• [AIM OF THE TASK] Only one stretch of the listing below is wanted. Begin at the line that has "#1=IFCCARTESIANPOINT((0.,0.,0.));", stop after the line that has "#10=IFCLOCALPLACEMENT(#9,#2);", and repeat every line in between exactly.

• [INPUT RECORDS]
▼

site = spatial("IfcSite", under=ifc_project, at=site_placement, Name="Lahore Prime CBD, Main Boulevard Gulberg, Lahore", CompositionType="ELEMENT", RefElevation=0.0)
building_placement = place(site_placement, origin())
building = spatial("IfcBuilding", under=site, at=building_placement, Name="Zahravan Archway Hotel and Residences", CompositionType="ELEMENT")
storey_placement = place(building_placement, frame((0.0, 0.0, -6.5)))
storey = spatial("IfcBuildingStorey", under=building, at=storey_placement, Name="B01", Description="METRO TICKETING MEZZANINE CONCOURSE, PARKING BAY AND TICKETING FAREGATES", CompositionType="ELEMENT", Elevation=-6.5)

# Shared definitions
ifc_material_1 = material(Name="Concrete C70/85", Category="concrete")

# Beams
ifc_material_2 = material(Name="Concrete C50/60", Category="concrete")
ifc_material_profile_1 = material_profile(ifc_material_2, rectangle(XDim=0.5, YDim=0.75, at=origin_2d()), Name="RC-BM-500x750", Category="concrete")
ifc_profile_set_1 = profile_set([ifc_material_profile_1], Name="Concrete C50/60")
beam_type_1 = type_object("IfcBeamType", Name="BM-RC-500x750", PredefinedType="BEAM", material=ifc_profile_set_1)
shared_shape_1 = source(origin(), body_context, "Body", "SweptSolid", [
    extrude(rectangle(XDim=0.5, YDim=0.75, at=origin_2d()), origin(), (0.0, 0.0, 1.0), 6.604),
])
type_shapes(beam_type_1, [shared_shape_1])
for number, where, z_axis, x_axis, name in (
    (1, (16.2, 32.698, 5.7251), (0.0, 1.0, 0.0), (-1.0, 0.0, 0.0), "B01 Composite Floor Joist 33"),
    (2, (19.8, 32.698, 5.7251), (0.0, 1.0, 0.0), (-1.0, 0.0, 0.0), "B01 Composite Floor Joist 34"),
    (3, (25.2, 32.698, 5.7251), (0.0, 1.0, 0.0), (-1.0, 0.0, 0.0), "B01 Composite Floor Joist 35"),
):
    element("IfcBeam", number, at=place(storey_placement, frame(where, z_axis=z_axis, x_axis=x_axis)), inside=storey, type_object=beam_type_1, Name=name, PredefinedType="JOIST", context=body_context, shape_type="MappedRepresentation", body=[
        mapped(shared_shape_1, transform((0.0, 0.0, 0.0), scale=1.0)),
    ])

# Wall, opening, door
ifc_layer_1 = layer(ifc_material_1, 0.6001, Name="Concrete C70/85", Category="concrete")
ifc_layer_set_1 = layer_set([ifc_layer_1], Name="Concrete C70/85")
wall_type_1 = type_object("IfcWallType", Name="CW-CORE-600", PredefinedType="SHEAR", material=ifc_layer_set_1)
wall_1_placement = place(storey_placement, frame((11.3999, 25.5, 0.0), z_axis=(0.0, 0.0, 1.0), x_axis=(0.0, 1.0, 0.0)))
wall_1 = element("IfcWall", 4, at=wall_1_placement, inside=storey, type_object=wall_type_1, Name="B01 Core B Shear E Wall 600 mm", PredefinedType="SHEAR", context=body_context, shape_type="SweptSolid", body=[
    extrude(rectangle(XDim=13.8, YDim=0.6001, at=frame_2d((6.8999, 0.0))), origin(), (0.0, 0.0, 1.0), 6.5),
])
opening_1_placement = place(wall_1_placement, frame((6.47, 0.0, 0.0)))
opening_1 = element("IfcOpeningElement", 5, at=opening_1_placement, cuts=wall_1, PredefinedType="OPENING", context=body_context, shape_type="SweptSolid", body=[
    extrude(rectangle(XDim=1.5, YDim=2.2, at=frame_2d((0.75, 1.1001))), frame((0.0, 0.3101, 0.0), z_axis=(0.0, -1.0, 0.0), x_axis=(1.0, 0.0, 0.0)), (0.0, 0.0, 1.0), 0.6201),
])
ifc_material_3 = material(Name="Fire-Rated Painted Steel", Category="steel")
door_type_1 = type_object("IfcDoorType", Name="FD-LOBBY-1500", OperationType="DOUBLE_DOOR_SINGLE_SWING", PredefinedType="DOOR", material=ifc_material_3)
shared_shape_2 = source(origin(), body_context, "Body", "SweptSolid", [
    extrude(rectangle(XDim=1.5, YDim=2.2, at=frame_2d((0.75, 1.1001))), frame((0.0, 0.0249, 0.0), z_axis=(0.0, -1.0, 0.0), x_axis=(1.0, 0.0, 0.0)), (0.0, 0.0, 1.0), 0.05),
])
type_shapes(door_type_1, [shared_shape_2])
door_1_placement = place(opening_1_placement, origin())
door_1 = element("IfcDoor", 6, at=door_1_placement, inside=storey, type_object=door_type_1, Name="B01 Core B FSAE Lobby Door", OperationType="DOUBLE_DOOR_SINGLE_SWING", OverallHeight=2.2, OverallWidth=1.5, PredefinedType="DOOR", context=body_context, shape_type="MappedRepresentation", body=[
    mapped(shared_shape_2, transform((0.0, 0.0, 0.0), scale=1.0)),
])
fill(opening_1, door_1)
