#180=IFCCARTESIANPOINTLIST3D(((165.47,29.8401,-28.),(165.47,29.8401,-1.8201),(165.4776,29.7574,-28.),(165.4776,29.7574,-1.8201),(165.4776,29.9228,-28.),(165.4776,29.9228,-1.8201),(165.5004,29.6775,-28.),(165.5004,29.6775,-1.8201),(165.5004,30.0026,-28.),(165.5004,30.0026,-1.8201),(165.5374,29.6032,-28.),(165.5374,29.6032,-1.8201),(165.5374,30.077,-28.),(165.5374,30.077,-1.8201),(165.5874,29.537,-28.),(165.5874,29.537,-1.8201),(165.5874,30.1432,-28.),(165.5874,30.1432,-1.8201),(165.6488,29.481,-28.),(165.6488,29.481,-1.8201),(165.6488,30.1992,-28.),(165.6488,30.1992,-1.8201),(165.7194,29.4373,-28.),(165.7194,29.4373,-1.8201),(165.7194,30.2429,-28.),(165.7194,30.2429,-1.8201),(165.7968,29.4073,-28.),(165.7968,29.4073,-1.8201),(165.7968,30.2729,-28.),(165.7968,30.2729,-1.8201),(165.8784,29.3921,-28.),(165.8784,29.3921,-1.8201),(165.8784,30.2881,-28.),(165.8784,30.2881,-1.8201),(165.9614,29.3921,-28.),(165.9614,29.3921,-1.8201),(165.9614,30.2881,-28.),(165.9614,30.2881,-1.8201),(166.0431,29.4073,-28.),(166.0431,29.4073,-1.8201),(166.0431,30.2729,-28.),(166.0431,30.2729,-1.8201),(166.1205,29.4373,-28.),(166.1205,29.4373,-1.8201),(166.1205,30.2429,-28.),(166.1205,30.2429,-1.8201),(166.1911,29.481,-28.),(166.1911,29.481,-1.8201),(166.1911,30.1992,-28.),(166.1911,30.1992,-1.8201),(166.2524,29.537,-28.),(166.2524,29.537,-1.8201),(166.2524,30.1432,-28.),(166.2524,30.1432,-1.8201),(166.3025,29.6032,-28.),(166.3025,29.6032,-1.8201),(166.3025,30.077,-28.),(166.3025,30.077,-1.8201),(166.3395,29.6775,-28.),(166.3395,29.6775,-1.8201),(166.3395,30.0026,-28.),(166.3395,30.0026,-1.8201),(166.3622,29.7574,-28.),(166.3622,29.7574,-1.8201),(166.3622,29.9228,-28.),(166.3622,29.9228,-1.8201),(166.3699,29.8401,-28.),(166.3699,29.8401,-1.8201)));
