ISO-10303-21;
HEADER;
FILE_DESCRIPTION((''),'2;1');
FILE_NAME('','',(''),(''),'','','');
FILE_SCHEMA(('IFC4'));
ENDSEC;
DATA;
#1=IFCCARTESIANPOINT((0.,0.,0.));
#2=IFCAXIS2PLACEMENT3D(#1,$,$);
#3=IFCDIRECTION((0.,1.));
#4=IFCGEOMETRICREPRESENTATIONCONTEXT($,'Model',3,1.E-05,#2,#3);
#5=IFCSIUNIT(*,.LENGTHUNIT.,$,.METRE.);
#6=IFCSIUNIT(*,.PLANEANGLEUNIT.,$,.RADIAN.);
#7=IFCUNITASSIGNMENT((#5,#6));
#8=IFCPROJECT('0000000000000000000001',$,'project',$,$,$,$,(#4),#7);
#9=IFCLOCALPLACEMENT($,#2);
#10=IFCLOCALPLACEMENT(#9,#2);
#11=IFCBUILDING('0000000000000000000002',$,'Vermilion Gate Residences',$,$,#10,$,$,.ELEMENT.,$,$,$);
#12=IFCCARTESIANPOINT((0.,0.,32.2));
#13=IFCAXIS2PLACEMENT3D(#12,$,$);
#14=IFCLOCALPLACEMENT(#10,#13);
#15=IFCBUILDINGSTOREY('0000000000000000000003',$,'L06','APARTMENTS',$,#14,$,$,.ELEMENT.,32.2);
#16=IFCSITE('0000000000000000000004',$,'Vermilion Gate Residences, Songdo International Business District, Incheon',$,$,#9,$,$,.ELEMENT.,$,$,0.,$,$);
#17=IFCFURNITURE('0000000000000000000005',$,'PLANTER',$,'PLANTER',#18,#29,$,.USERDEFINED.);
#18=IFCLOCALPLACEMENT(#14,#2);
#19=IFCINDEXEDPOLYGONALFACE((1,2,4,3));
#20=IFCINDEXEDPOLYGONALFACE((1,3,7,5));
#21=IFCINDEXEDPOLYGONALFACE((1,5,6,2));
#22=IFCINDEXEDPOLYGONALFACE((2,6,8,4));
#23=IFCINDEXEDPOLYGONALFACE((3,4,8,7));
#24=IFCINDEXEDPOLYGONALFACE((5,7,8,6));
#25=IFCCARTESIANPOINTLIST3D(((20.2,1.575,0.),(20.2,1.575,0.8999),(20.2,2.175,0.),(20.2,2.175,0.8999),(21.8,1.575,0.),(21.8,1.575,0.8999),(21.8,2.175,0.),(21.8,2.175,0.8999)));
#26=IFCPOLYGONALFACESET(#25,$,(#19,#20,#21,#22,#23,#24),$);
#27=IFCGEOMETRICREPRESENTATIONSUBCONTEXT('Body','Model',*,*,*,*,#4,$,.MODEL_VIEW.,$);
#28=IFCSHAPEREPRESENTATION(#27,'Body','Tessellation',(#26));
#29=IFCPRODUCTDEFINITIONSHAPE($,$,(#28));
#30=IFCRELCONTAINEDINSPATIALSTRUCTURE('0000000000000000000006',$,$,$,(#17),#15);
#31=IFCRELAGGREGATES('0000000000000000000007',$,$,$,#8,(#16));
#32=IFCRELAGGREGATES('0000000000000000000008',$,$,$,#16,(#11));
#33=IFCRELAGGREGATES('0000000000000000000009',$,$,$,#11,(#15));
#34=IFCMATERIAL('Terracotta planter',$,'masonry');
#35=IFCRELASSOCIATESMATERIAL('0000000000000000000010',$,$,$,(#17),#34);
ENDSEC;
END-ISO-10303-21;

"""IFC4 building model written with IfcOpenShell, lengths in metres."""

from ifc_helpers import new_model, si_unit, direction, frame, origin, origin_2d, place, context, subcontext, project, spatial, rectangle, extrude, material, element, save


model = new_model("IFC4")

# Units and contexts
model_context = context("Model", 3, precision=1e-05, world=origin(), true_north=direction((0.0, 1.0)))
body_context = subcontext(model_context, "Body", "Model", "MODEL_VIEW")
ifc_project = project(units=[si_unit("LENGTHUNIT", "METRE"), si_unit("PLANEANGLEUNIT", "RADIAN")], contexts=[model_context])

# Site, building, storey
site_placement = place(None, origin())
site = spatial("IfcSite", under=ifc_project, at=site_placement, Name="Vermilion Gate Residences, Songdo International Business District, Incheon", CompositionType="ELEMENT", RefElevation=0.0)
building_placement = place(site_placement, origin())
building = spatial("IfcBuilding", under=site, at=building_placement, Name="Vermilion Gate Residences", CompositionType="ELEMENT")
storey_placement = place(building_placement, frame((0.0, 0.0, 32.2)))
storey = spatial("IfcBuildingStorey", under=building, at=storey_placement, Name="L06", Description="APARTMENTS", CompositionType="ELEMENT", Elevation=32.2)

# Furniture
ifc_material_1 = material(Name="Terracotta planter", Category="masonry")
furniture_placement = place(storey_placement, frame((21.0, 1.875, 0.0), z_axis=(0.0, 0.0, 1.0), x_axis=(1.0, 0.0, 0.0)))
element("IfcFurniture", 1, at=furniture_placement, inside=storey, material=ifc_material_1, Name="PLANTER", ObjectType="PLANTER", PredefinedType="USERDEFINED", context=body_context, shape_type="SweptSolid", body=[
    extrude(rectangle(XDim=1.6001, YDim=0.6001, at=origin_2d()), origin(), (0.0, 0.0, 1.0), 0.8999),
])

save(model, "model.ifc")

▲

• [SOLUTION TO THIS EXERCISE]
#1=IFCCARTESIANPOINT((0.,0.,0.));
#2=IFCAXIS2PLACEMENT3D(#1,$,$);
#3=IFCDIRECTION((0.,1.));
#4=IFCGEOMETRICREPRESENTATIONCONTEXT($,'Model',3,1.E-05,#2,#3);
#5=IFCSIUNIT(*,.LENGTHUNIT.,$,.METRE.);
#6=IFCSIUNIT(*,.PLANEANGLEUNIT.,$,.RADIAN.);
#7=IFCUNITASSIGNMENT((#5,#6));
#8=IFCPROJECT('0000000000000000000001',$,'project',$,$,$,$,(#4),#7);
#9=IFCLOCALPLACEMENT($,#2);
#10=IFCLOCALPLACEMENT(#9,#2);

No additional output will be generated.